__WORK TO BE COMPLETED__
First find the line with "#5=IFCSIUNIT(*,.LENGTHUNIT.,$,.METRE.);" in the entries below, then set down exactly every line through the line with "#43=IFCLOCALPLACEMENT(#14,#2);", that line included.

Start of PROVIDED ENTRIES

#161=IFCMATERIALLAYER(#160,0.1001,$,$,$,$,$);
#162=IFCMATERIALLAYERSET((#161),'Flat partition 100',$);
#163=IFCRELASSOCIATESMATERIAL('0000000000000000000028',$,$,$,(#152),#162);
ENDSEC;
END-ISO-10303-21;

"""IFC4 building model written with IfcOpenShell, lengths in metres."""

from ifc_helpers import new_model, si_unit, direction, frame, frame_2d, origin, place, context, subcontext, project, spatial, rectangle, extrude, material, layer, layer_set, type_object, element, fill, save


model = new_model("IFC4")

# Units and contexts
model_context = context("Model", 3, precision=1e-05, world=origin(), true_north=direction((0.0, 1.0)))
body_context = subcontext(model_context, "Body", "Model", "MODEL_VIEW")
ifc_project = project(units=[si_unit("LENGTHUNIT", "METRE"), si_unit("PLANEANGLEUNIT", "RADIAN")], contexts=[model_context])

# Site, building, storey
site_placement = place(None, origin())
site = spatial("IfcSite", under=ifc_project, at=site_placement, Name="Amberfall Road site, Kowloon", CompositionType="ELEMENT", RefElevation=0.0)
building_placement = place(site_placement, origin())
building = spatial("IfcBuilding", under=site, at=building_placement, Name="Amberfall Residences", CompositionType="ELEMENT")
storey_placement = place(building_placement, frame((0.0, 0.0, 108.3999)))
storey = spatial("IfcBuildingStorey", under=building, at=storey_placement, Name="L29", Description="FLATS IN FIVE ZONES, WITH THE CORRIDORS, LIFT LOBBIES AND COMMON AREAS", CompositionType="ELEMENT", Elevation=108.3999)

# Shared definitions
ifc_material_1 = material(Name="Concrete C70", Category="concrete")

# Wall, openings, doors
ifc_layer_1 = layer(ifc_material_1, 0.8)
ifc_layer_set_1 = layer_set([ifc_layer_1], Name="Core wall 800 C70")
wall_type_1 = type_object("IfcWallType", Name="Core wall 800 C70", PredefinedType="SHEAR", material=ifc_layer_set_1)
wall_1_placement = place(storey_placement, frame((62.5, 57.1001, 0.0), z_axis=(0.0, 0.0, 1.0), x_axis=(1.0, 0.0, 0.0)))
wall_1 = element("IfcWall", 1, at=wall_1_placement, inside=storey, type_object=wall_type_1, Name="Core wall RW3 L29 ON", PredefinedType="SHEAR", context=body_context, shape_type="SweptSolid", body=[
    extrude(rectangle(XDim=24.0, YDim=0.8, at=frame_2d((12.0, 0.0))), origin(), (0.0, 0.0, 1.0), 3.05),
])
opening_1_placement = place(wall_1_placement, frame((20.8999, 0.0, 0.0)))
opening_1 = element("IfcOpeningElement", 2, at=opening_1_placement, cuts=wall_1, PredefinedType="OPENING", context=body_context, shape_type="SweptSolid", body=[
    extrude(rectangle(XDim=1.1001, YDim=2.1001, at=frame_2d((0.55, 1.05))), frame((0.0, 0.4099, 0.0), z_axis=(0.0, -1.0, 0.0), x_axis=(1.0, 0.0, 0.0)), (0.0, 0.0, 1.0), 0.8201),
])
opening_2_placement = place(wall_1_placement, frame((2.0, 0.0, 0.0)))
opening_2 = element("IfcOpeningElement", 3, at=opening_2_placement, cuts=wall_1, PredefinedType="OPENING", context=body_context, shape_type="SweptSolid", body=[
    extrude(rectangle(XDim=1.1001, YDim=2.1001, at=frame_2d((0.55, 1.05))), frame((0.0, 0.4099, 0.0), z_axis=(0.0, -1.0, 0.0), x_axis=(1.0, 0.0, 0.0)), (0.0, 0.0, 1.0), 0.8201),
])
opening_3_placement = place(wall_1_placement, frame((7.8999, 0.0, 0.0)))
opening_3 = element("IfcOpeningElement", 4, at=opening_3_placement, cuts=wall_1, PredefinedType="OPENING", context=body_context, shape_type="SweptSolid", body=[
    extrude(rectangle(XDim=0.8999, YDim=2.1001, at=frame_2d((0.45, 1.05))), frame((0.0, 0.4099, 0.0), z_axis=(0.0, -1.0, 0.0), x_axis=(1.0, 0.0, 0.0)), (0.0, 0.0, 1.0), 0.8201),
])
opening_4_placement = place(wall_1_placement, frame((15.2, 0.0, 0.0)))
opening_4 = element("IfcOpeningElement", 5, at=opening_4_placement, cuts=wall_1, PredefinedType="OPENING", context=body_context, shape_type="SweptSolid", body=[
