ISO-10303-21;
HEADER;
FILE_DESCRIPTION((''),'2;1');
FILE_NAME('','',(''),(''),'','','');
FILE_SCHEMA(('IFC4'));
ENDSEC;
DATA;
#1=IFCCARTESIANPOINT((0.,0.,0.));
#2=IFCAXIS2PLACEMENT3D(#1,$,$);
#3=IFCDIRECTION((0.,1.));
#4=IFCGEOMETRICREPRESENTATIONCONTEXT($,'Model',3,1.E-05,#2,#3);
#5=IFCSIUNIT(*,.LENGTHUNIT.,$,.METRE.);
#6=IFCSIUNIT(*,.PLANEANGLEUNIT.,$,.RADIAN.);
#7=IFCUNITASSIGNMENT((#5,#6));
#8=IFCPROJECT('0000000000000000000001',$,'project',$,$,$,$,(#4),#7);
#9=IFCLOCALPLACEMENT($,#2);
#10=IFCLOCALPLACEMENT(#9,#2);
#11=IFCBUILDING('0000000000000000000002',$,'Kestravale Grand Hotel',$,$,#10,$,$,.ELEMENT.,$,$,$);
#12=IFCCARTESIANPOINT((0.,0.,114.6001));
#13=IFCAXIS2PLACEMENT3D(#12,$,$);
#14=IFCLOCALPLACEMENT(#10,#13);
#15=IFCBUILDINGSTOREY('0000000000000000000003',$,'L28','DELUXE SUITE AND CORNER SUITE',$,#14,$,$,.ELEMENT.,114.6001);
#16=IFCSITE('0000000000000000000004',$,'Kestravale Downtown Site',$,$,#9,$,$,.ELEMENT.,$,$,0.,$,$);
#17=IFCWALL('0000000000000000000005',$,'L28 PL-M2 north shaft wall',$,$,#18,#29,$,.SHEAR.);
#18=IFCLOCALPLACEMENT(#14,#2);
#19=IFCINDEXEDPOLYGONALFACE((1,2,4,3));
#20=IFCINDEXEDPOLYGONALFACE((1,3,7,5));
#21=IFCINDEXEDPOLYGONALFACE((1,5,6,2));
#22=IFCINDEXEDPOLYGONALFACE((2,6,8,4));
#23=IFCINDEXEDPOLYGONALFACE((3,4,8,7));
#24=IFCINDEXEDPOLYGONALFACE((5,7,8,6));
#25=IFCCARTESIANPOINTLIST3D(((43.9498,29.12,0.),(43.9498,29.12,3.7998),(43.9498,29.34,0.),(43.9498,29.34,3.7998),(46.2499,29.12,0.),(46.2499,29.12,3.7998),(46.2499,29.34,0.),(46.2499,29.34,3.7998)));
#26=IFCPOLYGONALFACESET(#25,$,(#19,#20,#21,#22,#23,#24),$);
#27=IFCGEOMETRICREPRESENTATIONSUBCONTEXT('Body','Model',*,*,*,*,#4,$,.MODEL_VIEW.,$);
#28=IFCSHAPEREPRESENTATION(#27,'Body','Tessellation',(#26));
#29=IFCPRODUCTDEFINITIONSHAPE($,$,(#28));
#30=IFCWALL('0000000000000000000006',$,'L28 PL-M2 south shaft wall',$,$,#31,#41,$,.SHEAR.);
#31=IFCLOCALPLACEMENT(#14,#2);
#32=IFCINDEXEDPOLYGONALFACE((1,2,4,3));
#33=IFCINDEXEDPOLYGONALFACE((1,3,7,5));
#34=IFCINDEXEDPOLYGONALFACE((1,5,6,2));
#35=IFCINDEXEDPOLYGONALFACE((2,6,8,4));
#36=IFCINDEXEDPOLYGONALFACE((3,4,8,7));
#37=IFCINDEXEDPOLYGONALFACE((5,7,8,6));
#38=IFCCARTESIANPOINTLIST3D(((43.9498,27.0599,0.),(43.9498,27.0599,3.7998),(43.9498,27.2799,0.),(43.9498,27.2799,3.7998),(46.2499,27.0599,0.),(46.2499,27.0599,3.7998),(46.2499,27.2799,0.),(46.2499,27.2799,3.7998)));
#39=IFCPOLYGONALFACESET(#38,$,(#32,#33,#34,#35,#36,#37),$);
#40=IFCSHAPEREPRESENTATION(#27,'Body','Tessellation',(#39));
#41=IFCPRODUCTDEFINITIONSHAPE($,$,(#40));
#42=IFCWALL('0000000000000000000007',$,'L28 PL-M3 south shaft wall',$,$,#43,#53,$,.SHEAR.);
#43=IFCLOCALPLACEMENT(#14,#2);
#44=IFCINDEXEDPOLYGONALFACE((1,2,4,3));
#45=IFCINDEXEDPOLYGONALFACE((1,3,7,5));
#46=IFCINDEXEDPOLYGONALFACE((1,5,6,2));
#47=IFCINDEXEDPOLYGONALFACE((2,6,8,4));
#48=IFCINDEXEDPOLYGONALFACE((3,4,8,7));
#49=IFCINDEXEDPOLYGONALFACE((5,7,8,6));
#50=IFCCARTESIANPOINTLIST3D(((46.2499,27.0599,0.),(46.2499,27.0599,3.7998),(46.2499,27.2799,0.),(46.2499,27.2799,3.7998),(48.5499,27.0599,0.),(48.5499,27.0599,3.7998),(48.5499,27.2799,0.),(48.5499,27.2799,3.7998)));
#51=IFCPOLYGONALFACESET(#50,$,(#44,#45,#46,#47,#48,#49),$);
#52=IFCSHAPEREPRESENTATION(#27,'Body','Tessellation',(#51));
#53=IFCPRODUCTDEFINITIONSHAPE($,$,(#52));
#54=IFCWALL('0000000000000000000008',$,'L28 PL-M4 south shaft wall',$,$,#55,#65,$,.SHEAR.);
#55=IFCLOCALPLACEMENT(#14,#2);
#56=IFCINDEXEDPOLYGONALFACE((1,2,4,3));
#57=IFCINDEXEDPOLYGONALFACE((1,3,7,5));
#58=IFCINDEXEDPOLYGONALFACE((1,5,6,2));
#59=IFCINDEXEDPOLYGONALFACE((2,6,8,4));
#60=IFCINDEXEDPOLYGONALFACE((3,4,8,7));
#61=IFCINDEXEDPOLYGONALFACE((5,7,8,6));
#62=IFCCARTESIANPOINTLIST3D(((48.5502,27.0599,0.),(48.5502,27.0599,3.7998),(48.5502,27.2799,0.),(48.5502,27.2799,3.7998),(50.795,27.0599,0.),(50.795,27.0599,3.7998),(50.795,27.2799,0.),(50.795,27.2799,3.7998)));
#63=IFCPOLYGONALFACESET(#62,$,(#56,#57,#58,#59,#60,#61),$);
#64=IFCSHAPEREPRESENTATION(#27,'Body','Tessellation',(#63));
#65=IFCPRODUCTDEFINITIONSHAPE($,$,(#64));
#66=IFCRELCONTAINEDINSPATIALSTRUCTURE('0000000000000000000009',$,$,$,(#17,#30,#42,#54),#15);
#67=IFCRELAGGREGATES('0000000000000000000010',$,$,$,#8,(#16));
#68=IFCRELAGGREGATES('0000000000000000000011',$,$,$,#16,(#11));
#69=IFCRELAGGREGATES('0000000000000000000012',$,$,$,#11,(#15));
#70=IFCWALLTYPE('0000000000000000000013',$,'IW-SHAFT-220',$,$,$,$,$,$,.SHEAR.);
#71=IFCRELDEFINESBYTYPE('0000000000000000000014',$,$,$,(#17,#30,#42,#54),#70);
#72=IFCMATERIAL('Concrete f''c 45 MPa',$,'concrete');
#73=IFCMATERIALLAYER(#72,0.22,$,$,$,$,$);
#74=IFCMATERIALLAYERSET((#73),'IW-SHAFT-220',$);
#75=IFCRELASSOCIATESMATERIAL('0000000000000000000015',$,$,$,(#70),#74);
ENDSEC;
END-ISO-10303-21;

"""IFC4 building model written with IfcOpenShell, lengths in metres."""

from ifc_helpers import new_model, si_unit, direction, frame, frame_2d, origin, place, context, subcontext, project, spatial, rectangle, extrude, material, layer, layer_set, type_object, element, save


model = new_model("IFC4")

# Units and contexts
model_context = context("Model", 3, precision=1e-05, world=origin(), true_north=direction((0.0, 1.0)))
body_context = subcontext(model_context, "Body", "Model", "MODEL_VIEW")
ifc_project = project(units=[si_unit("LENGTHUNIT", "METRE"), si_unit("PLANEANGLEUNIT", "RADIAN")], contexts=[model_context])

# Site, building, storey
site_placement = place(None, origin())
site = spatial("IfcSite", under=ifc_project, at=site_placement, Name="Kestravale Downtown Site", CompositionType="ELEMENT", RefElevation=0.0)
building_placement = place(site_placement, origin())
building = spatial("IfcBuilding", under=site, at=building_placement, Name="Kestravale Grand Hotel", CompositionType="ELEMENT")
storey_placement = place(building_placement, frame((0.0, 0.0, 114.6001)))
storey = spatial("IfcBuildingStorey", under=building, at=storey_placement, Name="L28", Description="DELUXE SUITE AND CORNER SUITE", CompositionType="ELEMENT", Elevation=114.6001)

# Walls
ifc_material_1 = material(Name="Concrete f'c 45 MPa", Category="concrete")
ifc_layer_1 = layer(ifc_material_1, 0.22)
ifc_layer_set_1 = layer_set([ifc_layer_1], Name="IW-SHAFT-220")
wall_type_1 = type_object("IfcWallType", Name="IW-SHAFT-220", PredefinedType="SHEAR", material=ifc_layer_set_1)
for number, where, z_axis, x_axis, name in (
    (1, (43.95, 29.23, 0.0), (0.0, 0.0, 1.0), (1.0, 0.0, 0.0), "L28 PL-M2 north shaft wall"),
    (2, (43.95, 27.1699, 0.0), (0.0, 0.0, 1.0), (1.0, 0.0, 0.0), "L28 PL-M2 south shaft wall"),
    (3, (46.25, 27.1699, 0.0), (0.0, 0.0, 1.0), (1.0, 0.0, 0.0), "L28 PL-M3 south shaft wall"),
):
    element("IfcWall", number, at=place(storey_placement, frame(where, z_axis=z_axis, x_axis=x_axis)), inside=storey, type_object=wall_type_1, Name=name, PredefinedType="SHEAR", context=body_context, shape_type="SweptSolid", body=[
        extrude(rectangle(XDim=2.3, YDim=0.22, at=frame_2d((1.1499, 0.0))), origin(), (0.0, 0.0, 1.0), 3.7998),
    ])
wall_1_placement = place(storey_placement, frame((48.55, 27.1699, 0.0), z_axis=(0.0, 0.0, 1.0), x_axis=(1.0, 0.0, 0.0)))
element("IfcWall", 4, at=wall_1_placement, inside=storey, type_object=wall_type_1, Name="L28 PL-M4 south shaft wall", PredefinedType="SHEAR", context=body_context, shape_type="SweptSolid", body=[
    extrude(rectangle(XDim=2.2449, YDim=0.22, at=frame_2d((1.1226, 0.0))), origin(), (0.0, 0.0, 1.0), 3.7998),
])

save(model, "model.ifc")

End of PROVIDED ENTRIES

__SOLUTION BELOW__
#5=IFCSIUNIT(*,.LENGTHUNIT.,$,.METRE.);
#6=IFCSIUNIT(*,.PLANEANGLEUNIT.,$,.RADIAN.);
#7=IFCUNITASSIGNMENT((#5,#6));
#8=IFCPROJECT('0000000000000000000001',$,'project',$,$,$,$,(#4),#7);
#9=IFCLOCALPLACEMENT($,#2);
#10=IFCLOCALPLACEMENT(#9,#2);
#11=IFCBUILDING('0000000000000000000002',$,'Kestravale Grand Hotel',$,$,#10,$,$,.ELEMENT.,$,$,$);
#12=IFCCARTESIANPOINT((0.,0.,114.6001));
#13=IFCAXIS2PLACEMENT3D(#12,$,$);
#14=IFCLOCALPLACEMENT(#10,#13);
#15=IFCBUILDINGSTOREY('0000000000000000000003',$,'L28','DELUXE SUITE AND CORNER SUITE',$,#14,$,$,.ELEMENT.,114.6001);
#16=IFCSITE('0000000000000000000004',$,'Kestravale Downtown Site',$,$,#9,$,$,.ELEMENT.,$,$,0.,$,$);
#17=IFCWALL('0000000000000000000005',$,'L28 PL-M2 north shaft wall',$,$,#18,#29,$,.SHEAR.);
#18=IFCLOCALPLACEMENT(#14,#2);
#19=IFCINDEXEDPOLYGONALFACE((1,2,4,3));
#20=IFCINDEXEDPOLYGONALFACE((1,3,7,5));
#21=IFCINDEXEDPOLYGONALFACE((1,5,6,2));
#22=IFCINDEXEDPOLYGONALFACE((2,6,8,4));
#23=IFCINDEXEDPOLYGONALFACE((3,4,8,7));
#24=IFCINDEXEDPOLYGONALFACE((5,7,8,6));
#25=IFCCARTESIANPOINTLIST3D(((43.9498,29.12,0.),(43.9498,29.12,3.7998),(43.9498,29.34,0.),(43.9498,29.34,3.7998),(46.2499,29.12,0.),(46.2499,29.12,3.7998),(46.2499,29.34,0.),(46.2499,29.34,3.7998)));
#26=IFCPOLYGONALFACESET(#25,$,(#19,#20,#21,#22,#23,#24),$);
#27=IFCGEOMETRICREPRESENTATIONSUBCONTEXT('Body','Model',*,*,*,*,#4,$,.MODEL_VIEW.,$);
#28=IFCSHAPEREPRESENTATION(#27,'Body','Tessellation',(#26));
#29=IFCPRODUCTDEFINITIONSHAPE($,$,(#28));
#30=IFCWALL('0000000000000000000006',$,'L28 PL-M2 south shaft wall',$,$,#31,#41,$,.SHEAR.);
#31=IFCLOCALPLACEMENT(#14,#2);
#32=IFCINDEXEDPOLYGONALFACE((1,2,4,3));
#33=IFCINDEXEDPOLYGONALFACE((1,3,7,5));
#34=IFCINDEXEDPOLYGONALFACE((1,5,6,2));
#35=IFCINDEXEDPOLYGONALFACE((2,6,8,4));
#36=IFCINDEXEDPOLYGONALFACE((3,4,8,7));
#37=IFCINDEXEDPOLYGONALFACE((5,7,8,6));
#38=IFCCARTESIANPOINTLIST3D(((43.9498,27.0599,0.),(43.9498,27.0599,3.7998),(43.9498,27.2799,0.),(43.9498,27.2799,3.7998),(46.2499,27.0599,0.),(46.2499,27.0599,3.7998),(46.2499,27.2799,0.),(46.2499,27.2799,3.7998)));
#39=IFCPOLYGONALFACESET(#38,$,(#32,#33,#34,#35,#36,#37),$);
#40=IFCSHAPEREPRESENTATION(#27,'Body','Tessellation',(#39));
#41=IFCPRODUCTDEFINITIONSHAPE($,$,(#40));
#42=IFCWALL('0000000000000000000007',$,'L28 PL-M3 south shaft wall',$,$,#43,#53,$,.SHEAR.);
#43=IFCLOCALPLACEMENT(#14,#2);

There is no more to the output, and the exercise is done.